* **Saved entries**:
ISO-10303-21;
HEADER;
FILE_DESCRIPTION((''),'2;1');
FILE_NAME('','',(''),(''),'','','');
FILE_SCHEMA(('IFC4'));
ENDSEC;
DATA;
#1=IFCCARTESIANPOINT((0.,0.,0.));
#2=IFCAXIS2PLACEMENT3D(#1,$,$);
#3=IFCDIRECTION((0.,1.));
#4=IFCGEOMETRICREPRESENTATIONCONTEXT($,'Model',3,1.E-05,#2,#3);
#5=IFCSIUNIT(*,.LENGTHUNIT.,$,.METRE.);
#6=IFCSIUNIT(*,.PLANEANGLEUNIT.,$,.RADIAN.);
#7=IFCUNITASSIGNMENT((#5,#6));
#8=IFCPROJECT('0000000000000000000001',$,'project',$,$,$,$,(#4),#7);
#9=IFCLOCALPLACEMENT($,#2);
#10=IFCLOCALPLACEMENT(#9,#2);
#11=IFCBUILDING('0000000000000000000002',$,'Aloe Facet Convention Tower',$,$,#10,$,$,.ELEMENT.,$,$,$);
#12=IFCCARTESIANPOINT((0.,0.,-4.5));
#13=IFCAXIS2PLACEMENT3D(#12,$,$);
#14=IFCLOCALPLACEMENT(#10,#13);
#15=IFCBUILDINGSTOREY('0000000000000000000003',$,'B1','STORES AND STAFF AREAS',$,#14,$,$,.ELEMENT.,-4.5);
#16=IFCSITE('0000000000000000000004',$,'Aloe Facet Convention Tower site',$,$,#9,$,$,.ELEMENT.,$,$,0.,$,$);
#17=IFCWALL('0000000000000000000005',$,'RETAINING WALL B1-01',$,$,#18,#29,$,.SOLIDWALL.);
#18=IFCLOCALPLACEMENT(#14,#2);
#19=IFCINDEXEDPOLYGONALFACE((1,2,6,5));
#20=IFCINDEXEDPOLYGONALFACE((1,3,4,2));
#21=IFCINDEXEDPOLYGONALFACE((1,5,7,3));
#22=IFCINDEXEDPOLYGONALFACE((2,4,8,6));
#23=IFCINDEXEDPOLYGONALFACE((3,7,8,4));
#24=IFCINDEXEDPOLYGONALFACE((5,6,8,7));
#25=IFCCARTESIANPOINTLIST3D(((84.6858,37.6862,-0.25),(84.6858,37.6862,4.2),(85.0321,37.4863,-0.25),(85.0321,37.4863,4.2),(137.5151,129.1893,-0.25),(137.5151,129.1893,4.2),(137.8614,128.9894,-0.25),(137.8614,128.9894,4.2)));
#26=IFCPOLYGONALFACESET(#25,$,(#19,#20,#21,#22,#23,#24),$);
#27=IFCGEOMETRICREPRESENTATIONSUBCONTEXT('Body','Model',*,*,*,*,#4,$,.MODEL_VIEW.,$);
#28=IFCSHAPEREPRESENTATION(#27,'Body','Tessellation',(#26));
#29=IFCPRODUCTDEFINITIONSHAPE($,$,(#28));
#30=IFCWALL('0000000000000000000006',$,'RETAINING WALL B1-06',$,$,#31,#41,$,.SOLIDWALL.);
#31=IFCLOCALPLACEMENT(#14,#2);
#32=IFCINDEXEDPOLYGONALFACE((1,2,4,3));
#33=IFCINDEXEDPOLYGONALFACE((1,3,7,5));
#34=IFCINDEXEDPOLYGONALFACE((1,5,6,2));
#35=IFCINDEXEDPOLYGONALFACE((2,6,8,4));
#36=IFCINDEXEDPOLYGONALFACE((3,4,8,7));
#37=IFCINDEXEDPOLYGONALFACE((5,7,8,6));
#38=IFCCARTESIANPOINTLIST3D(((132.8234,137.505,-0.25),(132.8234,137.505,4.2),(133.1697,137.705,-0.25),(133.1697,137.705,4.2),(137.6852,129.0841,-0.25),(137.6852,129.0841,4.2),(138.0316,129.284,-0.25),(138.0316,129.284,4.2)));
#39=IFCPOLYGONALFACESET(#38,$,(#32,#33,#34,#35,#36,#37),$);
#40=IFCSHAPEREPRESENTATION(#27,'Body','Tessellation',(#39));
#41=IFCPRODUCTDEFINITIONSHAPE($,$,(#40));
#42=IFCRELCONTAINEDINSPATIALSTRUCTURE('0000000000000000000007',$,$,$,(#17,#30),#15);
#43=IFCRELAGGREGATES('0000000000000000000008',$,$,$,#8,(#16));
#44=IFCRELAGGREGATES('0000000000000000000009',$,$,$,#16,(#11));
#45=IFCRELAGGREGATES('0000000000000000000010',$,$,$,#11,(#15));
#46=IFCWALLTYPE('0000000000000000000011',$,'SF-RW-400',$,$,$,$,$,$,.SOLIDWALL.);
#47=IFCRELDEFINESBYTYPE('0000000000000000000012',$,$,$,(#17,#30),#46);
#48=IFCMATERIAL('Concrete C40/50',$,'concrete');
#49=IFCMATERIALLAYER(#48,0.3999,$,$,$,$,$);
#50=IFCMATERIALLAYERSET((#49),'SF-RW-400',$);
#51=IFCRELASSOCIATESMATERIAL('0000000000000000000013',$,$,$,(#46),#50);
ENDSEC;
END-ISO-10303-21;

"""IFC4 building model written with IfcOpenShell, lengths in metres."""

from ifc_helpers import new_model, si_unit, direction, frame, frame_2d, origin, place, context, subcontext, project, spatial, rectangle, extrude, material, layer, layer_set, type_object, element, save


model = new_model("IFC4")

# Units and contexts
model_context = context("Model", 3, precision=1e-05, world=origin(), true_north=direction((0.0, 1.0)))
body_context = subcontext(model_context, "Body", "Model", "MODEL_VIEW")
ifc_project = project(units=[si_unit("LENGTHUNIT", "METRE"), si_unit("PLANEANGLEUNIT", "RADIAN")], contexts=[model_context])

# Site, building, storey
site_placement = place(None, origin())
site = spatial("IfcSite", under=ifc_project, at=site_placement, Name="Aloe Facet Convention Tower site", CompositionType="ELEMENT", RefElevation=0.0)
building_placement = place(site_placement, origin())
building = spatial("IfcBuilding", under=site, at=building_placement, Name="Aloe Facet Convention Tower", CompositionType="ELEMENT")
storey_placement = place(building_placement, frame((0.0, 0.0, -4.5)))
storey = spatial("IfcBuildingStorey", under=building, at=storey_placement, Name="B1", Description="STORES AND STAFF AREAS", CompositionType="ELEMENT", Elevation=-4.5)

# Walls
ifc_material_1 = material(Name="Concrete C40/50", Category="concrete")
ifc_layer = layer(ifc_material_1, 0.3999)
ifc_layer_set = layer_set([ifc_layer], Name="SF-RW-400")
wall_type = type_object("IfcWallType", Name="SF-RW-400", PredefinedType="SOLIDWALL", material=ifc_layer_set)
wall_1_placement = place(storey_placement, frame((137.6882, 129.0894, -0.25), z_axis=(0.0, 0.0, 1.0), x_axis=(-0.5, -0.866026, 0.0)))
element("IfcWall", 1, at=wall_1_placement, inside=storey, type_object=wall_type, Name="RETAINING WALL B1-01", PredefinedType="SOLIDWALL", context=body_context, shape_type="SweptSolid", body=[
    extrude(rectangle(XDim=105.6587, YDim=0.3999, at=frame_2d((52.8293, 0.0))), origin(), (0.0, 0.0, 1.0), 4.45),
])
wall_2_placement = place(storey_placement, frame((132.9966, 137.605, -0.25), z_axis=(0.0, 0.0, 1.0), x_axis=(0.500001, -0.866025, 0.0)))
element("IfcWall", 2, at=wall_2_placement, inside=storey, type_object=wall_type, Name="RETAINING WALL B1-06", PredefinedType="SOLIDWALL", context=body_context, shape_type="SweptSolid", body=[
    extrude(rectangle(XDim=9.7236, YDim=0.3999, at=frame_2d((4.8618, 0.0))), origin(), (0.0, 0.0, 1.0), 4.45),
])

save(model, "model.ifc")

* **PROBLEM**:
Scan the lines above for "#14=IFCLOCALPLACEMENT(#10,#13);" and for "#32=IFCINDEXEDPOLYGONALFACE((1,2,4,3));". Repeat exactly the line holding each of them and every line in between.

* **ANSWER FOR THIS EXERCISE**:
#14=IFCLOCALPLACEMENT(#10,#13);
#15=IFCBUILDINGSTOREY('0000000000000000000003',$,'B1','STORES AND STAFF AREAS',$,#14,$,$,.ELEMENT.,-4.5);
#16=IFCSITE('0000000000000000000004',$,'Aloe Facet Convention Tower site',$,$,#9,$,$,.ELEMENT.,$,$,0.,$,$);
#17=IFCWALL('0000000000000000000005',$,'RETAINING WALL B1-01',$,$,#18,#29,$,.SOLIDWALL.);
#18=IFCLOCALPLACEMENT(#14,#2);
#19=IFCINDEXEDPOLYGONALFACE((1,2,6,5));
#20=IFCINDEXEDPOLYGONALFACE((1,3,4,2));
#21=IFCINDEXEDPOLYGONALFACE((1,5,7,3));
#22=IFCINDEXEDPOLYGONALFACE((2,4,8,6));
#23=IFCINDEXEDPOLYGONALFACE((3,7,8,4));
#24=IFCINDEXEDPOLYGONALFACE((5,6,8,7));
#25=IFCCARTESIANPOINTLIST3D(((84.6858,37.6862,-0.25),(84.6858,37.6862,4.2),(85.0321,37.4863,-0.25),(85.0321,37.4863,4.2),(137.5151,129.1893,-0.25),(137.5151,129.1893,4.2),(137.8614,128.9894,-0.25),(137.8614,128.9894,4.2)));
#26=IFCPOLYGONALFACESET(#25,$,(#19,#20,#21,#22,#23,#24),$);
#27=IFCGEOMETRICREPRESENTATIONSUBCONTEXT('Body','Model',*,*,*,*,#4,$,.MODEL_VIEW.,$);
#28=IFCSHAPEREPRESENTATION(#27,'Body','Tessellation',(#26));
#29=IFCPRODUCTDEFINITIONSHAPE($,$,(#28));
#30=IFCWALL('0000000000000000000006',$,'RETAINING WALL B1-06',$,$,#31,#41,$,.SOLIDWALL.);
#31=IFCLOCALPLACEMENT(#14,#2);
#32=IFCINDEXEDPOLYGONALFACE((1,2,4,3));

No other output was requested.